WORK INSTRUCTIONS
Reproduce exactly, from the data that follows, the line with "#119=IFCINDEXEDPOLYGONALFACE((17,18,22,21));", the line with "#145=IFCINDEXEDPOLYGONALFACE((69,70,72,71));", and every line that lies between them.

# # # #

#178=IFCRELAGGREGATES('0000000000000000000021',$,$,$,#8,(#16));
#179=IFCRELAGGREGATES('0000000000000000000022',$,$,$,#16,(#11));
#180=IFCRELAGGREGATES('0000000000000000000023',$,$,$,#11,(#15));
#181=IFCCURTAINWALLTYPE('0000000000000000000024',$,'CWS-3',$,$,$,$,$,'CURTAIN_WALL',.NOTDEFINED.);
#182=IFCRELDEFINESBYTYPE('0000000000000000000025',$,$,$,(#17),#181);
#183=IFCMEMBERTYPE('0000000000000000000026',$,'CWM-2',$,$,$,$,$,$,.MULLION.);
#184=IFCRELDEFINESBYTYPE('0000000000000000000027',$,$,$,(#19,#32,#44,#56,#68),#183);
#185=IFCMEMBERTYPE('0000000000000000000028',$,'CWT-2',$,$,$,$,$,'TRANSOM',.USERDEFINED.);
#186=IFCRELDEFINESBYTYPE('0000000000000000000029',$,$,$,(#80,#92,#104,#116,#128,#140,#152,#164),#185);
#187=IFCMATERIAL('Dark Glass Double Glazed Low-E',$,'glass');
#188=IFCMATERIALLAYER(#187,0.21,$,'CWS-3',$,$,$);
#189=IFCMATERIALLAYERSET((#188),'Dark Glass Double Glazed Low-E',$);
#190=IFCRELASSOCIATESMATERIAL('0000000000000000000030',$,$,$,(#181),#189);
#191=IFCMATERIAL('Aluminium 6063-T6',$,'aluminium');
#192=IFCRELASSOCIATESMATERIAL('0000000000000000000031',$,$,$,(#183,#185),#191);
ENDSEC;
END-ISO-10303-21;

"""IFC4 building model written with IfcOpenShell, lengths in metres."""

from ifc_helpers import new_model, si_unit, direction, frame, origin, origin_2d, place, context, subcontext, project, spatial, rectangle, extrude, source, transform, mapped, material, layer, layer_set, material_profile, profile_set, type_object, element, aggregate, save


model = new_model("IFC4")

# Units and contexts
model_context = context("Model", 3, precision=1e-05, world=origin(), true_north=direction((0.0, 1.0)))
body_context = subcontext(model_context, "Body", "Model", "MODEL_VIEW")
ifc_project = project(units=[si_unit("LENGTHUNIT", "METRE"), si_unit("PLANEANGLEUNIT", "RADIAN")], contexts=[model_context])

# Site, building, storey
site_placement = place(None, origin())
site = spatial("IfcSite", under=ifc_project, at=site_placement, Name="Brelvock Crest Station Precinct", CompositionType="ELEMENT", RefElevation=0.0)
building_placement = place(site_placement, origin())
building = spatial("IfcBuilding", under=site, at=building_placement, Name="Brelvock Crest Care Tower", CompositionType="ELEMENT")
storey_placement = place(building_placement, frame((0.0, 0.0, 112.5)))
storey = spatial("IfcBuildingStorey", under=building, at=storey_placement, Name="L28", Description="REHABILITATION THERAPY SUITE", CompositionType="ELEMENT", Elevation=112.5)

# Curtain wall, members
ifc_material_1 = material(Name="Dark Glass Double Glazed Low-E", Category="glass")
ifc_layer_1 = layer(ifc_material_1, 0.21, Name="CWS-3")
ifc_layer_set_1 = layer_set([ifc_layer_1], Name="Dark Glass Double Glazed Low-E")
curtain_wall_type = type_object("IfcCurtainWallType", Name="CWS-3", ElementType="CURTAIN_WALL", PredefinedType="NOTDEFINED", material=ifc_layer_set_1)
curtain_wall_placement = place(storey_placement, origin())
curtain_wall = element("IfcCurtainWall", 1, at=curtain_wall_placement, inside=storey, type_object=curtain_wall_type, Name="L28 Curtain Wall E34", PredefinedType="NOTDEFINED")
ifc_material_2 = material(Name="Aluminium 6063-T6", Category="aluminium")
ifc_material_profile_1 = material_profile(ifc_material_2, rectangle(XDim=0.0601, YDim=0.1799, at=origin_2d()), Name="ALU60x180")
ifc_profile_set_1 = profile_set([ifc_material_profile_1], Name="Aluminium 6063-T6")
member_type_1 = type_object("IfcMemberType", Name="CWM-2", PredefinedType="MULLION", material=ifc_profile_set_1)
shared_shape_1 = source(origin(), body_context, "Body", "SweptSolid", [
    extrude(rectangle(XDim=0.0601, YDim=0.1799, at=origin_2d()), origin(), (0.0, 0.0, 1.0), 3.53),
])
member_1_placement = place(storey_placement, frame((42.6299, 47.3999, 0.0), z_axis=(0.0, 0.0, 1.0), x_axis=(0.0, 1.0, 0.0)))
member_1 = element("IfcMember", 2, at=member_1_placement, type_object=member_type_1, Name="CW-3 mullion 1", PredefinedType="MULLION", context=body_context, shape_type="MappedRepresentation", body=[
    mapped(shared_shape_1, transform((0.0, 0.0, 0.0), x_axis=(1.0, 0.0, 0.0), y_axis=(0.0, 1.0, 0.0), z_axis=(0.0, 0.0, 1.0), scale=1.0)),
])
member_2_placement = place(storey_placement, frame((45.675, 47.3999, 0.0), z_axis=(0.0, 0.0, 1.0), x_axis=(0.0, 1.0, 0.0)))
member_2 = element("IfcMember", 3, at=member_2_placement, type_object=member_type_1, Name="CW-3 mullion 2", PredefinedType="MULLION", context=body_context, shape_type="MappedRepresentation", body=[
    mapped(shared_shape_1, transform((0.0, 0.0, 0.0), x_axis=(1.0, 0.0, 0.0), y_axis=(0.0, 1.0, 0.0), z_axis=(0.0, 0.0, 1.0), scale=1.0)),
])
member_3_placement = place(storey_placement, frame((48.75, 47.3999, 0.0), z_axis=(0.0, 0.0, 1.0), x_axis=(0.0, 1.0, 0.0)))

# # # #

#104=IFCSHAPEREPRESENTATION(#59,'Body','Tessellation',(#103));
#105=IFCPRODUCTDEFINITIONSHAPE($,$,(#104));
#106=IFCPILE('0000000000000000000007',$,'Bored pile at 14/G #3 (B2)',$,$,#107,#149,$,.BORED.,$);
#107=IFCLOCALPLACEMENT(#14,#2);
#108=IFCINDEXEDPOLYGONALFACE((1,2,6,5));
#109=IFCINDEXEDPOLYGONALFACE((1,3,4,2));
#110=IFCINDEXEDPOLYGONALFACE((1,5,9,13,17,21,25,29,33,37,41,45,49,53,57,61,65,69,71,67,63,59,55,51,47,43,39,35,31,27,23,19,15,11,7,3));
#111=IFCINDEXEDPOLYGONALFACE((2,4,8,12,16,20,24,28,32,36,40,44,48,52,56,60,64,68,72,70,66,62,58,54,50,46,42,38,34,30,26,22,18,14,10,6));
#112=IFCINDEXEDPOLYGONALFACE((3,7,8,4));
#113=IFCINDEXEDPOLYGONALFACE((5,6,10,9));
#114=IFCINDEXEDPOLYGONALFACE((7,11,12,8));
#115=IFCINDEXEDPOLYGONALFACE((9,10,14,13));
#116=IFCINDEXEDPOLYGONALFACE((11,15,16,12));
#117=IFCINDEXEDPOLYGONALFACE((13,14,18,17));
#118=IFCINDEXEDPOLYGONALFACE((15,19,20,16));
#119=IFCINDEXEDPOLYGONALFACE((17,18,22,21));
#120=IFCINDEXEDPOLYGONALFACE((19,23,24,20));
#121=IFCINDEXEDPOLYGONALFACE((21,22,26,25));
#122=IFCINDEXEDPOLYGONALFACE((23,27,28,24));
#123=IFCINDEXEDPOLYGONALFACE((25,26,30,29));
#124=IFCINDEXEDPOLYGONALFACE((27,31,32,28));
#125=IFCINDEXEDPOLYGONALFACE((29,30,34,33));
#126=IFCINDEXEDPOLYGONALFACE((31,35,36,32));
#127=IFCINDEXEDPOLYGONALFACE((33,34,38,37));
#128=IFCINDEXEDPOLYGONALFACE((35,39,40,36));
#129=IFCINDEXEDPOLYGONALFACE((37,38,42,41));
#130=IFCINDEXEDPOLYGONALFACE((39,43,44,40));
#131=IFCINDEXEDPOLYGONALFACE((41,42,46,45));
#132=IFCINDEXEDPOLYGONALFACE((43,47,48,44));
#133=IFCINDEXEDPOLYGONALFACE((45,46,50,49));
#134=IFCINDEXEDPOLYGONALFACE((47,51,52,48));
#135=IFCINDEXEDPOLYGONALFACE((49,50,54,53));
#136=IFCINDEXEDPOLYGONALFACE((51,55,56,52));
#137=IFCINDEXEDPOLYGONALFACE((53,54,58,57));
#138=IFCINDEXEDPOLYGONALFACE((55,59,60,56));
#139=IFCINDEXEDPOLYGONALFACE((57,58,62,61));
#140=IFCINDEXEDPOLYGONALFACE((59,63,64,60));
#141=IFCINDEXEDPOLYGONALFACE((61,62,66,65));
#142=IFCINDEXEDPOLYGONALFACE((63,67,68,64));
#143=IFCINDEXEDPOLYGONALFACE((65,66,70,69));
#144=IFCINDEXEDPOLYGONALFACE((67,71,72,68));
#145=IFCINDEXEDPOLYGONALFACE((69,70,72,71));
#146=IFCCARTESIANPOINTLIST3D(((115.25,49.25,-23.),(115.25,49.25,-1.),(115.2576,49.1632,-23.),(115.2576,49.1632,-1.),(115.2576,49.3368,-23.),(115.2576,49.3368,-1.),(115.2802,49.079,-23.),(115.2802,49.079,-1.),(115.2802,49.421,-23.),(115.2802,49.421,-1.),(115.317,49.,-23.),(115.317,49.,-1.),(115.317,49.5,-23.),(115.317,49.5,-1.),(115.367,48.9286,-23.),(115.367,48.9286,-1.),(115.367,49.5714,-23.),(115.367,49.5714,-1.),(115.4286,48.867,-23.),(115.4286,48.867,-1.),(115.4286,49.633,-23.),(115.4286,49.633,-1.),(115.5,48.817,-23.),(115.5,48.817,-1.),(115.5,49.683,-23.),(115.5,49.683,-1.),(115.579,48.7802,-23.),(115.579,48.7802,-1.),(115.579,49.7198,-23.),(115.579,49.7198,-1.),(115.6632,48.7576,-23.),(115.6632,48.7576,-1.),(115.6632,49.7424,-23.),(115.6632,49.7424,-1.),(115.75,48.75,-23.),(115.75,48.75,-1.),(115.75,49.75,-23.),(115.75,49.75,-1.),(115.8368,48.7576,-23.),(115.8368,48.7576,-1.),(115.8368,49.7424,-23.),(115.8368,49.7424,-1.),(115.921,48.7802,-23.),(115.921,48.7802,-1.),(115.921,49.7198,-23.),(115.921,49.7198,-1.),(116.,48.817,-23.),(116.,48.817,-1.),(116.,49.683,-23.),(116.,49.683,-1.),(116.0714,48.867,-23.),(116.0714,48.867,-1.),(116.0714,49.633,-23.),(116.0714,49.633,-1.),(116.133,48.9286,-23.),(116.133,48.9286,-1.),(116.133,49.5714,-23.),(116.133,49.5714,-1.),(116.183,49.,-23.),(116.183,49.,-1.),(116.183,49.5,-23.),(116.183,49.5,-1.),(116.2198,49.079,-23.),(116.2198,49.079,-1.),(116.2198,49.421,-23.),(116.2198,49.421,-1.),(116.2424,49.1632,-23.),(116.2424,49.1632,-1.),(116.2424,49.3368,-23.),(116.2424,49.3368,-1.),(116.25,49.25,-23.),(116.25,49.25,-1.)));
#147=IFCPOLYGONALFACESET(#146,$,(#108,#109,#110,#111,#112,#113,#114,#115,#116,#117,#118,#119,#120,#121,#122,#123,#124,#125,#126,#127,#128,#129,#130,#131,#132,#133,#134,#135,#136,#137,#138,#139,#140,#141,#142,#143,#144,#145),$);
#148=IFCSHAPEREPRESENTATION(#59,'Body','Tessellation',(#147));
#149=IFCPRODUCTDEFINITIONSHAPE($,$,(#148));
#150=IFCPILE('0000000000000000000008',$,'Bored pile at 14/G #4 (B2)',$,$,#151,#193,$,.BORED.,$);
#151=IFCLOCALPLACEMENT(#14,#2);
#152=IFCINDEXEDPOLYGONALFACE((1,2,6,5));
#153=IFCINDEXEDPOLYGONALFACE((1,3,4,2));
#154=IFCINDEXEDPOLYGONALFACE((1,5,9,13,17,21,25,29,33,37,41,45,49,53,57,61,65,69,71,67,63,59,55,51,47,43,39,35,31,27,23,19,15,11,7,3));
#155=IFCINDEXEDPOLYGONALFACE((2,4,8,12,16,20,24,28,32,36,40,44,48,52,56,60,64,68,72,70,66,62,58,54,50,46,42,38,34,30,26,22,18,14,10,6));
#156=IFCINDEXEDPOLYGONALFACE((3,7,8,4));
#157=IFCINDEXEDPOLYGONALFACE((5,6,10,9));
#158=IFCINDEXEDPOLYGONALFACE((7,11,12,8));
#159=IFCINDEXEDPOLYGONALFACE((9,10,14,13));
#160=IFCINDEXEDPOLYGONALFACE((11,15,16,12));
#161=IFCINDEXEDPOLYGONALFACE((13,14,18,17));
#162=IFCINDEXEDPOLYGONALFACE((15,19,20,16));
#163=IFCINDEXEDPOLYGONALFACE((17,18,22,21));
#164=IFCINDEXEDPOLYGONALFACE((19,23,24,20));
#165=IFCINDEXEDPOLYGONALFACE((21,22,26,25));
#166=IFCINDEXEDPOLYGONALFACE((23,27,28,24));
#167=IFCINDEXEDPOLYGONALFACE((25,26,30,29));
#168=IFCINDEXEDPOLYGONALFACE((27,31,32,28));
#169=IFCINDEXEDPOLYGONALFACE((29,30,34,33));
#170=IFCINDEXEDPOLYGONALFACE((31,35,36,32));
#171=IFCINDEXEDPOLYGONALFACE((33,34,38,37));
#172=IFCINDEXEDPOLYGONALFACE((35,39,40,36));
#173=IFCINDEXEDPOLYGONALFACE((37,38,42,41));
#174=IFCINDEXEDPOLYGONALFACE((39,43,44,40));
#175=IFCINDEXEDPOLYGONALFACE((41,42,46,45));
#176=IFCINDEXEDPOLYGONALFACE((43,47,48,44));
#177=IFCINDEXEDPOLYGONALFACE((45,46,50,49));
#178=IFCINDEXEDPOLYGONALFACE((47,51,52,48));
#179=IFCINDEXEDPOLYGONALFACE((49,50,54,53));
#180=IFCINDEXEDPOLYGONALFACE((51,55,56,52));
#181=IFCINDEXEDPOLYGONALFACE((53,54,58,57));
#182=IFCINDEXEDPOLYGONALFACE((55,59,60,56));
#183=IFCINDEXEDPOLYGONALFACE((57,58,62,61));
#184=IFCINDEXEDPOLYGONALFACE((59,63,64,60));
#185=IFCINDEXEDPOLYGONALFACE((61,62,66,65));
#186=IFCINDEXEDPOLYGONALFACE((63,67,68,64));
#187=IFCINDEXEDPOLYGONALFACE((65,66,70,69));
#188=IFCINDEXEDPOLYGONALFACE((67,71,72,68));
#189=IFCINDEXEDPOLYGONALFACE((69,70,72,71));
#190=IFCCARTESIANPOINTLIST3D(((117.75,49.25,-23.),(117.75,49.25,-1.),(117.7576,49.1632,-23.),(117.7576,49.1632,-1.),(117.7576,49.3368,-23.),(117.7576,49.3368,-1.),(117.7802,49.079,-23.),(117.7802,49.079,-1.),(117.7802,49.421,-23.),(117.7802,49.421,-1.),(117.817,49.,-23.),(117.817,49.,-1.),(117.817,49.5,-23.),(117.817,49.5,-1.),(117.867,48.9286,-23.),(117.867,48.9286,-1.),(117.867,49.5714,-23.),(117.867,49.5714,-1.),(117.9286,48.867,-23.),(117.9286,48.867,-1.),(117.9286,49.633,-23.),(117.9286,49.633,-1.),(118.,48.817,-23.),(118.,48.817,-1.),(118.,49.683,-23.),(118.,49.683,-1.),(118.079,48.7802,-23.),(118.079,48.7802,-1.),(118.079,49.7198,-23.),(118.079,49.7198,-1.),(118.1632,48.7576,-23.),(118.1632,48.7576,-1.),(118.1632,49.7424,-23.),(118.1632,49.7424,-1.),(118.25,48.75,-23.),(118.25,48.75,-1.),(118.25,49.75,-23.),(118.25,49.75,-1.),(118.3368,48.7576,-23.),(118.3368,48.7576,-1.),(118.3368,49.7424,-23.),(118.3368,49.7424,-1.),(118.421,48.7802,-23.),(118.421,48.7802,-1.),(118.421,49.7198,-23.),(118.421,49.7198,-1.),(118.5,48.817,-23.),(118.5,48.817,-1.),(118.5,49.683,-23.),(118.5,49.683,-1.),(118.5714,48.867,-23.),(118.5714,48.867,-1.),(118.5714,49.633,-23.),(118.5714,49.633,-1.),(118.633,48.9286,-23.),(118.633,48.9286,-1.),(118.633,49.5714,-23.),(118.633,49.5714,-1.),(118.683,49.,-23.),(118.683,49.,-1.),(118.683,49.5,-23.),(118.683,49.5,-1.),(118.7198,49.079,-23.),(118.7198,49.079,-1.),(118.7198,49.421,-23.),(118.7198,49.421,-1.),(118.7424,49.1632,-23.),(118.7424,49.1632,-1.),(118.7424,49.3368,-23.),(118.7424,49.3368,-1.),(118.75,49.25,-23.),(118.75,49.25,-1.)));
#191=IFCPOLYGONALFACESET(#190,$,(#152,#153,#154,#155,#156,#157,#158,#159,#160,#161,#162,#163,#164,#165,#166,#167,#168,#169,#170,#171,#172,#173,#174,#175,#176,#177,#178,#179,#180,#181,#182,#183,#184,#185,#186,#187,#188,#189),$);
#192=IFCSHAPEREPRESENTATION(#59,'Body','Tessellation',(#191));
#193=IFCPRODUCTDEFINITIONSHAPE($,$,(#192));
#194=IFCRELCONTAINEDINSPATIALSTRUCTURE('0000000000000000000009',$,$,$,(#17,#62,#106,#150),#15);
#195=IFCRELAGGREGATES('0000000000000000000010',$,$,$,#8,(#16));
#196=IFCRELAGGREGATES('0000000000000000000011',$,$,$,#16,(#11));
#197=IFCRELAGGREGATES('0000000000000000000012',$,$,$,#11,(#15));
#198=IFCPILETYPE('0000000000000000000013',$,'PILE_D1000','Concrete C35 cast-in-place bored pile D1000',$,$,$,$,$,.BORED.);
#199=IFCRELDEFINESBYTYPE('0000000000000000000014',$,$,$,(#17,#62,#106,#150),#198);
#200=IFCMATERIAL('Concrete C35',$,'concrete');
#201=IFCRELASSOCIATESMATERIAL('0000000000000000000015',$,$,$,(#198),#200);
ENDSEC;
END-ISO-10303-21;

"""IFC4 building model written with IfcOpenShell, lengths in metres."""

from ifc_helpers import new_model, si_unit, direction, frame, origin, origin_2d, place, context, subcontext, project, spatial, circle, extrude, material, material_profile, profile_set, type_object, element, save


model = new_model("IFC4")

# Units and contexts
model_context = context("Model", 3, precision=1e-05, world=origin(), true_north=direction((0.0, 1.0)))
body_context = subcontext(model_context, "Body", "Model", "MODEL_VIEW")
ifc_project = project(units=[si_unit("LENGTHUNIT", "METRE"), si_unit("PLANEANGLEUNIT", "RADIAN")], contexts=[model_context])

# # # #

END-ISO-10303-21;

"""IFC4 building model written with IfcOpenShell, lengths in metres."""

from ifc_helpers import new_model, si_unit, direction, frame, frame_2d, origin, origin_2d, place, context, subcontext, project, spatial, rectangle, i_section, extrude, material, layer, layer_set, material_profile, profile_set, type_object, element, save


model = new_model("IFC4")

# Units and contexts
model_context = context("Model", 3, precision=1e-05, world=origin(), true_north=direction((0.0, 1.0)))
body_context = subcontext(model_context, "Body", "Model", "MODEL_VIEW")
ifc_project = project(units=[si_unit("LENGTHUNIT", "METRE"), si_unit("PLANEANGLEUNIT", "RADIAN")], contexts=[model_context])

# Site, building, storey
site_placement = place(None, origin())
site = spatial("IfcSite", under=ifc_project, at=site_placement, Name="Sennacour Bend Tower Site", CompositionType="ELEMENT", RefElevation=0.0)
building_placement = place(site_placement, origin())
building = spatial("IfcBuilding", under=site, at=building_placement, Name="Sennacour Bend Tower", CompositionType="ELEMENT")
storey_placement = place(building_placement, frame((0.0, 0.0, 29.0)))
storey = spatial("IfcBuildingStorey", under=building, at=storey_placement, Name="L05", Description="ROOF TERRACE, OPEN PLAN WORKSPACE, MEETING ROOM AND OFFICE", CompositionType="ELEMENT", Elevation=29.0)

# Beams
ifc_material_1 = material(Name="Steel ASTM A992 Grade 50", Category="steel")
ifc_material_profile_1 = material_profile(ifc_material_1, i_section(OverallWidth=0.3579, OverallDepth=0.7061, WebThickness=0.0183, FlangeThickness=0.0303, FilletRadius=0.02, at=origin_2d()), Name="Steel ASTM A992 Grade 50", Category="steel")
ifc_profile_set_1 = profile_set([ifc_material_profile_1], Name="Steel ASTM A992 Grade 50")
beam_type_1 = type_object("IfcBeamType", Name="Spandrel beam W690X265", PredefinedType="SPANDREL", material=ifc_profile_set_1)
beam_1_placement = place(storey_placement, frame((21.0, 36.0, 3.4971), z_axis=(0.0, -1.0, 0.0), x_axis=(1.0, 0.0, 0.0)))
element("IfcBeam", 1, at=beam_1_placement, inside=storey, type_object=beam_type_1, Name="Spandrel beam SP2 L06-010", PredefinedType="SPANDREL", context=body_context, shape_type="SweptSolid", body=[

# # # #

REPLY
#119=IFCINDEXEDPOLYGONALFACE((17,18,22,21));
#120=IFCINDEXEDPOLYGONALFACE((19,23,24,20));
#121=IFCINDEXEDPOLYGONALFACE((21,22,26,25));
#122=IFCINDEXEDPOLYGONALFACE((23,27,28,24));
#123=IFCINDEXEDPOLYGONALFACE((25,26,30,29));
#124=IFCINDEXEDPOLYGONALFACE((27,31,32,28));
#125=IFCINDEXEDPOLYGONALFACE((29,30,34,33));
#126=IFCINDEXEDPOLYGONALFACE((31,35,36,32));
#127=IFCINDEXEDPOLYGONALFACE((33,34,38,37));
#128=IFCINDEXEDPOLYGONALFACE((35,39,40,36));
#129=IFCINDEXEDPOLYGONALFACE((37,38,42,41));
#130=IFCINDEXEDPOLYGONALFACE((39,43,44,40));
#131=IFCINDEXEDPOLYGONALFACE((41,42,46,45));
#132=IFCINDEXEDPOLYGONALFACE((43,47,48,44));
#133=IFCINDEXEDPOLYGONALFACE((45,46,50,49));
#134=IFCINDEXEDPOLYGONALFACE((47,51,52,48));
#135=IFCINDEXEDPOLYGONALFACE((49,50,54,53));
#136=IFCINDEXEDPOLYGONALFACE((51,55,56,52));
#137=IFCINDEXEDPOLYGONALFACE((53,54,58,57));
#138=IFCINDEXEDPOLYGONALFACE((55,59,60,56));
#139=IFCINDEXEDPOLYGONALFACE((57,58,62,61));
#140=IFCINDEXEDPOLYGONALFACE((59,63,64,60));
#141=IFCINDEXEDPOLYGONALFACE((61,62,66,65));
#142=IFCINDEXEDPOLYGONALFACE((63,67,68,64));
#143=IFCINDEXEDPOLYGONALFACE((65,66,70,69));
#144=IFCINDEXEDPOLYGONALFACE((67,71,72,68));
#145=IFCINDEXEDPOLYGONALFACE((69,70,72,71));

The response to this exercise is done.